* _TASK BRIEF_
Keyword search on "Tessellation": report each line of the records that contains it.

[Start of Attachment]

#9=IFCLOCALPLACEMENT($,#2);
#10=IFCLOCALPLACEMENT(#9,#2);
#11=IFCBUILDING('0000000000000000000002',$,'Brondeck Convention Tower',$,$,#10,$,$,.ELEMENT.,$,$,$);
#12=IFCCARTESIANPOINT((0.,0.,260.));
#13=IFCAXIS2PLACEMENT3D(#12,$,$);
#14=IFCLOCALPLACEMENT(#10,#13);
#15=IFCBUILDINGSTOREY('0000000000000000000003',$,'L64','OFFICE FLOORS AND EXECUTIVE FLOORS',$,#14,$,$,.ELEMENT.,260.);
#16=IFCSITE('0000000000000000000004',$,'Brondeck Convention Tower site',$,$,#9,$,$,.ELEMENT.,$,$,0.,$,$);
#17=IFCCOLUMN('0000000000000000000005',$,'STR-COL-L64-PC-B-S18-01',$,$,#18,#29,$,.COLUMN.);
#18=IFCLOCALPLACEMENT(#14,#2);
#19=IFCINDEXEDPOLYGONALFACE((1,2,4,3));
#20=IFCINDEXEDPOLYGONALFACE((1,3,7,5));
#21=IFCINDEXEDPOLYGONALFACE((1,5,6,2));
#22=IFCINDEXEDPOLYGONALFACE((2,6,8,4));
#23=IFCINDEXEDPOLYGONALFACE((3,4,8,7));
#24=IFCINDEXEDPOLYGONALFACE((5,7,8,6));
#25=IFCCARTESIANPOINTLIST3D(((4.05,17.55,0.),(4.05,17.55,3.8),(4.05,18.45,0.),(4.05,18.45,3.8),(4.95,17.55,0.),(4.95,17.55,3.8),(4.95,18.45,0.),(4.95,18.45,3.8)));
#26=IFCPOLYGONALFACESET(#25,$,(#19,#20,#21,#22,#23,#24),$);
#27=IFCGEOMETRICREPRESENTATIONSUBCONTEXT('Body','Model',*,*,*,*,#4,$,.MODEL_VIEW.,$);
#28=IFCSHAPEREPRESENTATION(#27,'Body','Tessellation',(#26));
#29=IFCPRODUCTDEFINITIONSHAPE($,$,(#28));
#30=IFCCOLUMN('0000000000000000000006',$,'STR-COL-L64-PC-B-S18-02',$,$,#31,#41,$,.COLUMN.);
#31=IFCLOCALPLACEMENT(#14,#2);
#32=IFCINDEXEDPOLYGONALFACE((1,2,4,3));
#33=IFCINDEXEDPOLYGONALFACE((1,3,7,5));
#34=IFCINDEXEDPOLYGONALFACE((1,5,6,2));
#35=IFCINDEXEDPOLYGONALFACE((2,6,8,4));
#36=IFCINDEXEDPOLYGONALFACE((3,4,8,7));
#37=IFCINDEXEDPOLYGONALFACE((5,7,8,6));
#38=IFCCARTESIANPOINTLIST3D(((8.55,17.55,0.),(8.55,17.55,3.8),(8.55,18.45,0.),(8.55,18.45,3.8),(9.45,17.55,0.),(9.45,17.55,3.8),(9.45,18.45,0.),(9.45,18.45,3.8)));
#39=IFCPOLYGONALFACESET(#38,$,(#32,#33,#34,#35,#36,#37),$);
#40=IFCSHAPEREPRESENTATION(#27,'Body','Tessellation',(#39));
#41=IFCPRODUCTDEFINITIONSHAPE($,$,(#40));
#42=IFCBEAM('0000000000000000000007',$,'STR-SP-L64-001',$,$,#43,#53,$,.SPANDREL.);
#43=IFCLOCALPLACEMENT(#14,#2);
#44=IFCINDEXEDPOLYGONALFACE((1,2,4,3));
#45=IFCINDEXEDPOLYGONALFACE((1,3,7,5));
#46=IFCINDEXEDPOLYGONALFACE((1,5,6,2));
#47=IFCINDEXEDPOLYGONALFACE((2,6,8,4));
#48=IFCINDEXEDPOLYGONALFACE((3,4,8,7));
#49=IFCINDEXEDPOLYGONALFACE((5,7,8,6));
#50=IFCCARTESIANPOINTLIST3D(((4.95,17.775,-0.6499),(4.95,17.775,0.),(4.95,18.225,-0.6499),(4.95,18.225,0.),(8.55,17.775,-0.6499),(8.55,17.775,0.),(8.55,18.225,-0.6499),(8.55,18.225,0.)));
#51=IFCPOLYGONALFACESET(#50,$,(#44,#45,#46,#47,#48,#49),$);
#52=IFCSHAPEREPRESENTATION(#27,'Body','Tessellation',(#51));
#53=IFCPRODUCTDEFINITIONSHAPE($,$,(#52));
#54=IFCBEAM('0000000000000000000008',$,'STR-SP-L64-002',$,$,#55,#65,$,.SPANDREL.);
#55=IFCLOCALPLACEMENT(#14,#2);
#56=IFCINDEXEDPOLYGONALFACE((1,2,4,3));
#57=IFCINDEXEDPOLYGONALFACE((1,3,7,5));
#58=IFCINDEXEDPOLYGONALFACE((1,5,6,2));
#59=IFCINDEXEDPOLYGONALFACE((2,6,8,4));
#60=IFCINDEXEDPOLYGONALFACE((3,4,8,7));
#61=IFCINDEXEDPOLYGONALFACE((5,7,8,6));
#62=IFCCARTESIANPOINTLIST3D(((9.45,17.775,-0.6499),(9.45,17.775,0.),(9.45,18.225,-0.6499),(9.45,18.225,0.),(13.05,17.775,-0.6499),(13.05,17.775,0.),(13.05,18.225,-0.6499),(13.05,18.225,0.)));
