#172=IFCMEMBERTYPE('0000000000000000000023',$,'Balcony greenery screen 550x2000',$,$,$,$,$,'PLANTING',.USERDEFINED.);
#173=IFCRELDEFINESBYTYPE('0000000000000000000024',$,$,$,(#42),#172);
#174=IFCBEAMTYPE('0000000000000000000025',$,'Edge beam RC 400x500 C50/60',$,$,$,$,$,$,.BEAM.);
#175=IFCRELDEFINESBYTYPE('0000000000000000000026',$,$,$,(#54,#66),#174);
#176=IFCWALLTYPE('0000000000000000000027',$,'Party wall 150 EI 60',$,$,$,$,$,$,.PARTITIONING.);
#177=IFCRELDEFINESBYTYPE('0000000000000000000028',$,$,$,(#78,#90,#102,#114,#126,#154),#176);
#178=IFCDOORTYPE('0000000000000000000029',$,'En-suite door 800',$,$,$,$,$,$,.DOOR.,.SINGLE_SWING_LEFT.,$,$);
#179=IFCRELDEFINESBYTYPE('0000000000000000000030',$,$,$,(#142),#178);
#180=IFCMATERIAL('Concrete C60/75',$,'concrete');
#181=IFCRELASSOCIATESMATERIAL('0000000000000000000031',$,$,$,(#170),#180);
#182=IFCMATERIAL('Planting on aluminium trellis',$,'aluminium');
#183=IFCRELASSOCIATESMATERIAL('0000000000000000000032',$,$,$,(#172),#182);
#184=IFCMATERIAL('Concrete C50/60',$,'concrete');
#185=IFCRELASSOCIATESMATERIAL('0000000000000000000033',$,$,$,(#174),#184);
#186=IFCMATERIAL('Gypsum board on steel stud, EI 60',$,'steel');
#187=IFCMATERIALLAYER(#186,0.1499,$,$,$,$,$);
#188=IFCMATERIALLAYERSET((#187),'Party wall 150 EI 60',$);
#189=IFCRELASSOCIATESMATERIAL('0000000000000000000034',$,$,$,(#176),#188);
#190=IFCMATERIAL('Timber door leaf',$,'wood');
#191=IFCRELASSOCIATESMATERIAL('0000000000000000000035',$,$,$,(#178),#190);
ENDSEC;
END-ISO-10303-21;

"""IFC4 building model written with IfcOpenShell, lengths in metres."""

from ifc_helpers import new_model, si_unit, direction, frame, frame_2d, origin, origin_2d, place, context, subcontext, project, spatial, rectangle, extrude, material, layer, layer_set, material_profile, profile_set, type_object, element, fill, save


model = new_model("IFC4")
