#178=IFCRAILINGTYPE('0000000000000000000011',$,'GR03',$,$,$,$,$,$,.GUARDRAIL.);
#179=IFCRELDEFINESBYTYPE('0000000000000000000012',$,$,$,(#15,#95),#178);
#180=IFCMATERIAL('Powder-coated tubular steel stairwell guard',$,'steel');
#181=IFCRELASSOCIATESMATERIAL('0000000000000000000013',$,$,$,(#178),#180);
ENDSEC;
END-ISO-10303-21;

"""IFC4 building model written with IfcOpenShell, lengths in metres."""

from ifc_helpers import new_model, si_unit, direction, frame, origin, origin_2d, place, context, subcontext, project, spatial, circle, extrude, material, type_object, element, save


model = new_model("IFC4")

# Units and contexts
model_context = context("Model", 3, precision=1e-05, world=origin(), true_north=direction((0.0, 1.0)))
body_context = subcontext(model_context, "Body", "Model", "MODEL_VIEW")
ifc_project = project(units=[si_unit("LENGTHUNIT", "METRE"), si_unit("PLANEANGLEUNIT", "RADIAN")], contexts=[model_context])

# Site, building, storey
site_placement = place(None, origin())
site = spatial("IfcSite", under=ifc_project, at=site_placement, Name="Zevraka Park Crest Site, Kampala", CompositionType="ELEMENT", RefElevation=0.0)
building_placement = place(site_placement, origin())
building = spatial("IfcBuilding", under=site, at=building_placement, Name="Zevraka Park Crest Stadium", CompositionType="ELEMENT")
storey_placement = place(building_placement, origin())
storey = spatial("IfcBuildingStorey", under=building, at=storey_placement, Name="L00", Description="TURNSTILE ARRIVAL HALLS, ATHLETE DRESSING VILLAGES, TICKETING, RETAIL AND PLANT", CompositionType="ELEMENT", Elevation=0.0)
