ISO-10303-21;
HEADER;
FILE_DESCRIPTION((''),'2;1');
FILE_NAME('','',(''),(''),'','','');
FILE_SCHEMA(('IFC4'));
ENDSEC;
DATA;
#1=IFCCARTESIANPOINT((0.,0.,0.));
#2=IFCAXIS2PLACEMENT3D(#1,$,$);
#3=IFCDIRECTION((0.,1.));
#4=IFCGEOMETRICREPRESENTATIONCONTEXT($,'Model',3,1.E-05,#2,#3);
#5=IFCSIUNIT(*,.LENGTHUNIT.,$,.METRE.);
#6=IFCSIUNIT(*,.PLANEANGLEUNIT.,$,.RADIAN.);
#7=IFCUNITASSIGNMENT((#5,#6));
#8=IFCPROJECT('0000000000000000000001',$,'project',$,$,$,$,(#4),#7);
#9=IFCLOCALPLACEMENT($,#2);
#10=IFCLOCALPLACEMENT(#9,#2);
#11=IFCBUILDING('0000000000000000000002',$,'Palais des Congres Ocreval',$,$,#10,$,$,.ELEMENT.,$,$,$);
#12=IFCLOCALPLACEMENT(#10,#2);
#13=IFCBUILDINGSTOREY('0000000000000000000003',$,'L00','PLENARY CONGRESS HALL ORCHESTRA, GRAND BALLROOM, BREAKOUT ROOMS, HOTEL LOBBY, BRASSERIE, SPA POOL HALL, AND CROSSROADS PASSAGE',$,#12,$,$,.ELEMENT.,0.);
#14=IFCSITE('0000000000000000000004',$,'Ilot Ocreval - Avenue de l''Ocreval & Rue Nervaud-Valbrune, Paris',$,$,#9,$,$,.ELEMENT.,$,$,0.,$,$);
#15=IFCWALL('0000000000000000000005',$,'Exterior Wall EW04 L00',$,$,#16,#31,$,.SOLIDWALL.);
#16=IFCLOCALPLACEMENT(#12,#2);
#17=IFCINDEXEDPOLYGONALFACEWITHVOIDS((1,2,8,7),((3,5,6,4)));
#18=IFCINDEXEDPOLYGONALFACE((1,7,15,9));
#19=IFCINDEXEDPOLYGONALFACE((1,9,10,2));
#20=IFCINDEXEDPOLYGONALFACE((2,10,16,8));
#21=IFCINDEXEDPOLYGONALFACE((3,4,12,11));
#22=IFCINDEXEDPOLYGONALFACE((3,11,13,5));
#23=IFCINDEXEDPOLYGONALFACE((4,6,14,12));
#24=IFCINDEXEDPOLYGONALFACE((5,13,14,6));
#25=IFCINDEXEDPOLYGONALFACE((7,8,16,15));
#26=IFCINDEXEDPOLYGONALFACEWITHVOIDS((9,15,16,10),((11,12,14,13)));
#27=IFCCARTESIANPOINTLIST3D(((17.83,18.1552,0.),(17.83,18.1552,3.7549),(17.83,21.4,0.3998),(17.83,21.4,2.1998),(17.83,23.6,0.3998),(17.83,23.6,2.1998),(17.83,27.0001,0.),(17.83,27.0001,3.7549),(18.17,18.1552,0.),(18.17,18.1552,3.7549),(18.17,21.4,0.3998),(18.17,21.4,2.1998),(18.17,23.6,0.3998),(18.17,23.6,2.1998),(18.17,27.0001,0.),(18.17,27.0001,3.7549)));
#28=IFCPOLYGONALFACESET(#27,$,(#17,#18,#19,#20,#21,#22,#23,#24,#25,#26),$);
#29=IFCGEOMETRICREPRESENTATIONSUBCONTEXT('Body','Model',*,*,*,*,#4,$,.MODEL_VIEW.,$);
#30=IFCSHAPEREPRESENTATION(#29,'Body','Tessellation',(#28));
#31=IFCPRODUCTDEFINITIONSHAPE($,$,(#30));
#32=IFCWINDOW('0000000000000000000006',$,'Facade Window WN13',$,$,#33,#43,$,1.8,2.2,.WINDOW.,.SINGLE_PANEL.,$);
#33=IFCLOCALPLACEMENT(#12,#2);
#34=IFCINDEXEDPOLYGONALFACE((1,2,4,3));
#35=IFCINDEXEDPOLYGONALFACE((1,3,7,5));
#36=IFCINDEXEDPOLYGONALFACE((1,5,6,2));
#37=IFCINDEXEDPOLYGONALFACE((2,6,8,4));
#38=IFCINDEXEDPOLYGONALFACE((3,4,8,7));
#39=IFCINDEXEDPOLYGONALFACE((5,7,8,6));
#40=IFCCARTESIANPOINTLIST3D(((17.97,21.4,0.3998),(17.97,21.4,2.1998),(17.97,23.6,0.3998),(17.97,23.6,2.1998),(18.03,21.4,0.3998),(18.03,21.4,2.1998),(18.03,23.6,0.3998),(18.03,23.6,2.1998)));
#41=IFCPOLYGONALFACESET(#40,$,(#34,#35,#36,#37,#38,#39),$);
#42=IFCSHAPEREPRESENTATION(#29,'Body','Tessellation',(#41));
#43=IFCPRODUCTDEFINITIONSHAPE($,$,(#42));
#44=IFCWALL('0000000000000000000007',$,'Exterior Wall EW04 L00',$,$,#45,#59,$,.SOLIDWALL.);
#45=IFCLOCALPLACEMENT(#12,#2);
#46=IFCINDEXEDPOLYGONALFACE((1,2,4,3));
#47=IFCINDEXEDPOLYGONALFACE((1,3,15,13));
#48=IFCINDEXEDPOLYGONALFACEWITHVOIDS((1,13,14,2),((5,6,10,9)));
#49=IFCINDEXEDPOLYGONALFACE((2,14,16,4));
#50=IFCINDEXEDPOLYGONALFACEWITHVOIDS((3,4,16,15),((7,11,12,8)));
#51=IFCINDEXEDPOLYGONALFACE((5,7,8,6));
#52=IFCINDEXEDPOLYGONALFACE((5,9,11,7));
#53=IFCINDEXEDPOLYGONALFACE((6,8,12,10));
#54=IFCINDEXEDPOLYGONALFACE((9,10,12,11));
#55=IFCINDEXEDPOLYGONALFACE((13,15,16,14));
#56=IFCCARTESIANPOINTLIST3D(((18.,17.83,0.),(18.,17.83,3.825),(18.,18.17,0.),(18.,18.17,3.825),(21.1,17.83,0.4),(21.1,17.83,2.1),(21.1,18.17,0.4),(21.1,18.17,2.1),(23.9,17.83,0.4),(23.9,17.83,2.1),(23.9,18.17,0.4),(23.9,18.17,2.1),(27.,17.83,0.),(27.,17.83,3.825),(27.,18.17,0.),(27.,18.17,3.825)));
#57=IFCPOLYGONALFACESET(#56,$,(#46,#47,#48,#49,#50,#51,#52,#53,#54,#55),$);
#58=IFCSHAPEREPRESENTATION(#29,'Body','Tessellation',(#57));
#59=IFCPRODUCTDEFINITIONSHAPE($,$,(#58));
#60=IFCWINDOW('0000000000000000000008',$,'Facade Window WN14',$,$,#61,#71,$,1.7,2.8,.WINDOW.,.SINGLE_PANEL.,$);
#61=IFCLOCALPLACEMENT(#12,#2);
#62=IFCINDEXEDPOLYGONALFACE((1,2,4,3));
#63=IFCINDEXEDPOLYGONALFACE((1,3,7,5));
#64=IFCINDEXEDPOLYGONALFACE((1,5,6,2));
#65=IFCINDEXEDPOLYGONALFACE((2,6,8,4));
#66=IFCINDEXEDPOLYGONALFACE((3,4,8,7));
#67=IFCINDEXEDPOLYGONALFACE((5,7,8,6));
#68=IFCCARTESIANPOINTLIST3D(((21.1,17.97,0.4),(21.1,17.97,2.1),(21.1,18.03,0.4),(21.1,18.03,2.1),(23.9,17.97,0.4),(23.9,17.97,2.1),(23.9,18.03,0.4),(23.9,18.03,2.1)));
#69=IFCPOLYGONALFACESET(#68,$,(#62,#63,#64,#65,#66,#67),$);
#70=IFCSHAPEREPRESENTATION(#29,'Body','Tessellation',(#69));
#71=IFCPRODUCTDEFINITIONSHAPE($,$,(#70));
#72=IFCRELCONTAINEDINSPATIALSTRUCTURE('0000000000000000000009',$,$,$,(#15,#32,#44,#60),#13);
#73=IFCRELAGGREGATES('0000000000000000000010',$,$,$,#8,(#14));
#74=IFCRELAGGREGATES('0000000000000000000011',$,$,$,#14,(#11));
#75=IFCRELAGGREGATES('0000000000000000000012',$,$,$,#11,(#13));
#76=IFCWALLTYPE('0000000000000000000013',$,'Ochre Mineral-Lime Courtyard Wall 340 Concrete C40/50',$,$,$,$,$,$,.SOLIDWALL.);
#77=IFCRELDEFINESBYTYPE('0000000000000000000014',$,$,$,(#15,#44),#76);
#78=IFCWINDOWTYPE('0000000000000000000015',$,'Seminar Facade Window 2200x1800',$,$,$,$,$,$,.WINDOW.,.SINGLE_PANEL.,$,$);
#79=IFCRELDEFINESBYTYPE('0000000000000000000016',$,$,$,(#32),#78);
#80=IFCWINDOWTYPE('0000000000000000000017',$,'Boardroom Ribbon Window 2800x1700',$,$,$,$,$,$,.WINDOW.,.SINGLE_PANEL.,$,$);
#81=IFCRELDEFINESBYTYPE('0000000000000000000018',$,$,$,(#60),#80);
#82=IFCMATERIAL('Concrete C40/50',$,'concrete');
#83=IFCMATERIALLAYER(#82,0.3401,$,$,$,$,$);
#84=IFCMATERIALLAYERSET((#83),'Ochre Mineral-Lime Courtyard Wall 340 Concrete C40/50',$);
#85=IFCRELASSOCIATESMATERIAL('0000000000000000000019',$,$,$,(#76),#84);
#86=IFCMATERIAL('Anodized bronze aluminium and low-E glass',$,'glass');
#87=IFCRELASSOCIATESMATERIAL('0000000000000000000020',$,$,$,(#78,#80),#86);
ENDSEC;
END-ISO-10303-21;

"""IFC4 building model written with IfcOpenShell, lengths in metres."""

from ifc_helpers import new_model, si_unit, direction, frame, frame_2d, origin, place, context, subcontext, project, spatial, rectangle, extrude, material, layer, layer_set, type_object, element, fill, save


model = new_model("IFC4")

# Units and contexts
model_context = context("Model", 3, precision=1e-05, world=origin(), true_north=direction((0.0, 1.0)))
body_context = subcontext(model_context, "Body", "Model", "MODEL_VIEW")
ifc_project = project(units=[si_unit("LENGTHUNIT", "METRE"), si_unit("PLANEANGLEUNIT", "RADIAN")], contexts=[model_context])

# Site, building, storey
site_placement = place(None, origin())
site = spatial("IfcSite", under=ifc_project, at=site_placement, Name="Ilot Ocreval - Avenue de l'Ocreval & Rue Nervaud-Valbrune, Paris", CompositionType="ELEMENT", RefElevation=0.0)
building_placement = place(site_placement, origin())
building = spatial("IfcBuilding", under=site, at=building_placement, Name="Palais des Congres Ocreval", CompositionType="ELEMENT")
storey_placement = place(building_placement, origin())
storey = spatial("IfcBuildingStorey", under=building, at=storey_placement, Name="L00", Description="PLENARY CONGRESS HALL ORCHESTRA, GRAND BALLROOM, BREAKOUT ROOMS, HOTEL LOBBY, BRASSERIE, SPA POOL HALL, AND CROSSROADS PASSAGE", CompositionType="ELEMENT", Elevation=0.0)

# Shared definitions
ifc_material_1 = material(Name="Concrete C40/50", Category="concrete")

# Walls, openings, windows
ifc_layer_1 = layer(ifc_material_1, 0.3401)
ifc_layer_set_1 = layer_set([ifc_layer_1], Name="Ochre Mineral-Lime Courtyard Wall 340 Concrete C40/50")
wall_type_1 = type_object("IfcWallType", Name="Ochre Mineral-Lime Courtyard Wall 340 Concrete C40/50", PredefinedType="SOLIDWALL", material=ifc_layer_set_1)
wall_1_placement = place(storey_placement, frame((18.0, 27.0, 0.0), z_axis=(0.0, 0.0, 1.0), x_axis=(0.0, -1.0, 0.0)))
wall_1 = element("IfcWall", 1, at=wall_1_placement, inside=storey, type_object=wall_type_1, Name="Exterior Wall EW04 L00", PredefinedType="SOLIDWALL", context=body_context, shape_type="SweptSolid", body=[
    extrude(rectangle(XDim=8.845, YDim=0.3401, at=frame_2d((4.4224, 0.0))), origin(), (0.0, 0.0, 1.0), 3.7549),
])
opening_1_placement = place(wall_1_placement, frame((3.3999, 0.0, 0.3999)))
opening_1 = element("IfcOpeningElement", 2, at=opening_1_placement, cuts=wall_1, PredefinedType="OPENING", context=body_context, shape_type="SweptSolid", body=[
    extrude(rectangle(XDim=2.2, YDim=1.8, at=frame_2d((1.1001, 0.8999))), frame((0.0, 0.1799, 0.0), z_axis=(0.0, -1.0, 0.0), x_axis=(1.0, 0.0, 0.0)), (0.0, 0.0, 1.0), 0.3601),
])
ifc_material_2 = material(Name="Anodized bronze aluminium and low-E glass", Category="glass")
window_type_1 = type_object("IfcWindowType", Name="Seminar Facade Window 2200x1800", PartitioningType="SINGLE_PANEL", PredefinedType="WINDOW", material=ifc_material_2)
window_1_placement = place(opening_1_placement, origin())
window_1 = element("IfcWindow", 3, at=window_1_placement, inside=storey, type_object=window_type_1, Name="Facade Window WN13", OverallHeight=1.8, OverallWidth=2.2, PartitioningType="SINGLE_PANEL", PredefinedType="WINDOW", context=body_context, shape_type="SweptSolid", body=[
    extrude(rectangle(XDim=2.2, YDim=1.8, at=frame_2d((1.1001, 0.8999))), frame((0.0, 0.03, 0.0), z_axis=(0.0, -1.0, 0.0), x_axis=(1.0, 0.0, 0.0)), (0.0, 0.0, 1.0), 0.0601),
])
fill(opening_1, window_1)
wall_2_placement = place(storey_placement, frame((18.0, 18.0, 0.0), z_axis=(0.0, 0.0, 1.0), x_axis=(1.0, 0.0, 0.0)))
wall_2 = element("IfcWall", 4, at=wall_2_placement, inside=storey, type_object=wall_type_1, Name="Exterior Wall EW04 L00", PredefinedType="SOLIDWALL", context=body_context, shape_type="SweptSolid", body=[
    extrude(rectangle(XDim=9.0, YDim=0.3401, at=frame_2d((4.5, 0.0))), origin(), (0.0, 0.0, 1.0), 3.825),
])
opening_2_placement = place(wall_2_placement, frame((3.1001, 0.0, 0.3999)))
opening_2 = element("IfcOpeningElement", 5, at=opening_2_placement, cuts=wall_2, PredefinedType="OPENING", context=body_context, shape_type="SweptSolid", body=[
    extrude(rectangle(XDim=2.8, YDim=1.7, at=frame_2d((1.3999, 0.8501))), frame((0.0, 0.1799, 0.0), z_axis=(0.0, -1.0, 0.0), x_axis=(1.0, 0.0, 0.0)), (0.0, 0.0, 1.0), 0.3601),
])
window_type_2 = type_object("IfcWindowType", Name="Boardroom Ribbon Window 2800x1700", PartitioningType="SINGLE_PANEL", PredefinedType="WINDOW", material=ifc_material_2)
window_2_placement = place(opening_2_placement, origin())
window_2 = element("IfcWindow", 6, at=window_2_placement, inside=storey, type_object=window_type_2, Name="Facade Window WN14", OverallHeight=1.7, OverallWidth=2.8, PartitioningType="SINGLE_PANEL", PredefinedType="WINDOW", context=body_context, shape_type="SweptSolid", body=[
    extrude(rectangle(XDim=2.8, YDim=1.7, at=frame_2d((1.3999, 0.8501))), frame((0.0, 0.03, 0.0), z_axis=(0.0, -1.0, 0.0), x_axis=(1.0, 0.0, 0.0)), (0.0, 0.0, 1.0), 0.0601),
])
fill(opening_2, window_2)

save(model, "model.ifc")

[End of Attachment]

* _THE COMPLETED TASK_
#28=IFCSHAPEREPRESENTATION(#27,'Body','Tessellation',(#26));
#40=IFCSHAPEREPRESENTATION(#27,'Body','Tessellation',(#39));
#52=IFCSHAPEREPRESENTATION(#27,'Body','Tessellation',(#51));
#30=IFCSHAPEREPRESENTATION(#29,'Body','Tessellation',(#28));
#42=IFCSHAPEREPRESENTATION(#29,'Body','Tessellation',(#41));
#58=IFCSHAPEREPRESENTATION(#29,'Body','Tessellation',(#57));
#70=IFCSHAPEREPRESENTATION(#29,'Body','Tessellation',(#69));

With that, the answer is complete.